#### [Exercise inputs]
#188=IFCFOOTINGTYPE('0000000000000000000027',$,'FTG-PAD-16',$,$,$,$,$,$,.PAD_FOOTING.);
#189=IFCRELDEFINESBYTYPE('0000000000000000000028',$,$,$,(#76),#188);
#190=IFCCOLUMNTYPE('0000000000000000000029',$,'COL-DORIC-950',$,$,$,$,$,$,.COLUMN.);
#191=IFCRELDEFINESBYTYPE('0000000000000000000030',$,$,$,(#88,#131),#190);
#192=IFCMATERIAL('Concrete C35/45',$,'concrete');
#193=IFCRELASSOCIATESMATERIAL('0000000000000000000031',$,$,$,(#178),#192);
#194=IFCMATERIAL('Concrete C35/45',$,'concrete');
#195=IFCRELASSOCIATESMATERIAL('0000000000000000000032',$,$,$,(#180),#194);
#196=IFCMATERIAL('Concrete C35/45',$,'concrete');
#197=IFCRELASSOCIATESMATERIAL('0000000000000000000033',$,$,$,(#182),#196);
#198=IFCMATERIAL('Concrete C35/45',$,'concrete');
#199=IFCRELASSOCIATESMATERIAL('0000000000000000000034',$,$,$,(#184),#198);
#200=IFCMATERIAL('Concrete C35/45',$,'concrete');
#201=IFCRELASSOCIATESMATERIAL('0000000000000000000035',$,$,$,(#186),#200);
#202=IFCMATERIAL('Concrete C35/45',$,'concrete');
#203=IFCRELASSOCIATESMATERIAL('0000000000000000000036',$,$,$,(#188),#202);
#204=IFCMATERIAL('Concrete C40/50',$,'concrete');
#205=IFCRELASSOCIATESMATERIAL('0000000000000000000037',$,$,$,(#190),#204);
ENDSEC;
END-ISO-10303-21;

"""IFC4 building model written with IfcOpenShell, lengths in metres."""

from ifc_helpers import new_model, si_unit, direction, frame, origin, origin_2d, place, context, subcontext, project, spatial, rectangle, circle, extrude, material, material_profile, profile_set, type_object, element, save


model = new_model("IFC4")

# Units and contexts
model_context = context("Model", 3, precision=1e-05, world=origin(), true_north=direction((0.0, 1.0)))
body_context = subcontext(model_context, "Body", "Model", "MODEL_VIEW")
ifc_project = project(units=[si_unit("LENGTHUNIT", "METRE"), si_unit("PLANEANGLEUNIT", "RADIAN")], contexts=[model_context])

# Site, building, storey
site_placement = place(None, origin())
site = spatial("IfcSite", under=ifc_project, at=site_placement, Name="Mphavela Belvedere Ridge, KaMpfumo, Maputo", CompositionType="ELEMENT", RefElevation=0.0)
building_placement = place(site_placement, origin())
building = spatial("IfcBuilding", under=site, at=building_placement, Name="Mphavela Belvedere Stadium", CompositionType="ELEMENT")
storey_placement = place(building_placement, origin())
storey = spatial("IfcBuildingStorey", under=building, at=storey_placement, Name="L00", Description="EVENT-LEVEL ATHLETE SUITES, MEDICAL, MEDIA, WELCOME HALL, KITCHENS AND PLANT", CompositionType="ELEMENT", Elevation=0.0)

#### [What is required]
A word-for-word copy of the lines above from the one with "building model written" through the one with "storey_placement = place(building_placement, origin())", inclusive, is the only output wanted.

#### [Answer]
"""IFC4 building model written with IfcOpenShell, lengths in metres."""

from ifc_helpers import new_model, si_unit, direction, frame, origin, origin_2d, place, context, subcontext, project, spatial, rectangle, circle, extrude, material, material_profile, profile_set, type_object, element, save


model = new_model("IFC4")

# Units and contexts
model_context = context("Model", 3, precision=1e-05, world=origin(), true_north=direction((0.0, 1.0)))
body_context = subcontext(model_context, "Body", "Model", "MODEL_VIEW")
ifc_project = project(units=[si_unit("LENGTHUNIT", "METRE"), si_unit("PLANEANGLEUNIT", "RADIAN")], contexts=[model_context])

# Site, building, storey
site_placement = place(None, origin())
site = spatial("IfcSite", under=ifc_project, at=site_placement, Name="Mphavela Belvedere Ridge, KaMpfumo, Maputo", CompositionType="ELEMENT", RefElevation=0.0)
building_placement = place(site_placement, origin())
building = spatial("IfcBuilding", under=site, at=building_placement, Name="Mphavela Belvedere Stadium", CompositionType="ELEMENT")
storey_placement = place(building_placement, origin())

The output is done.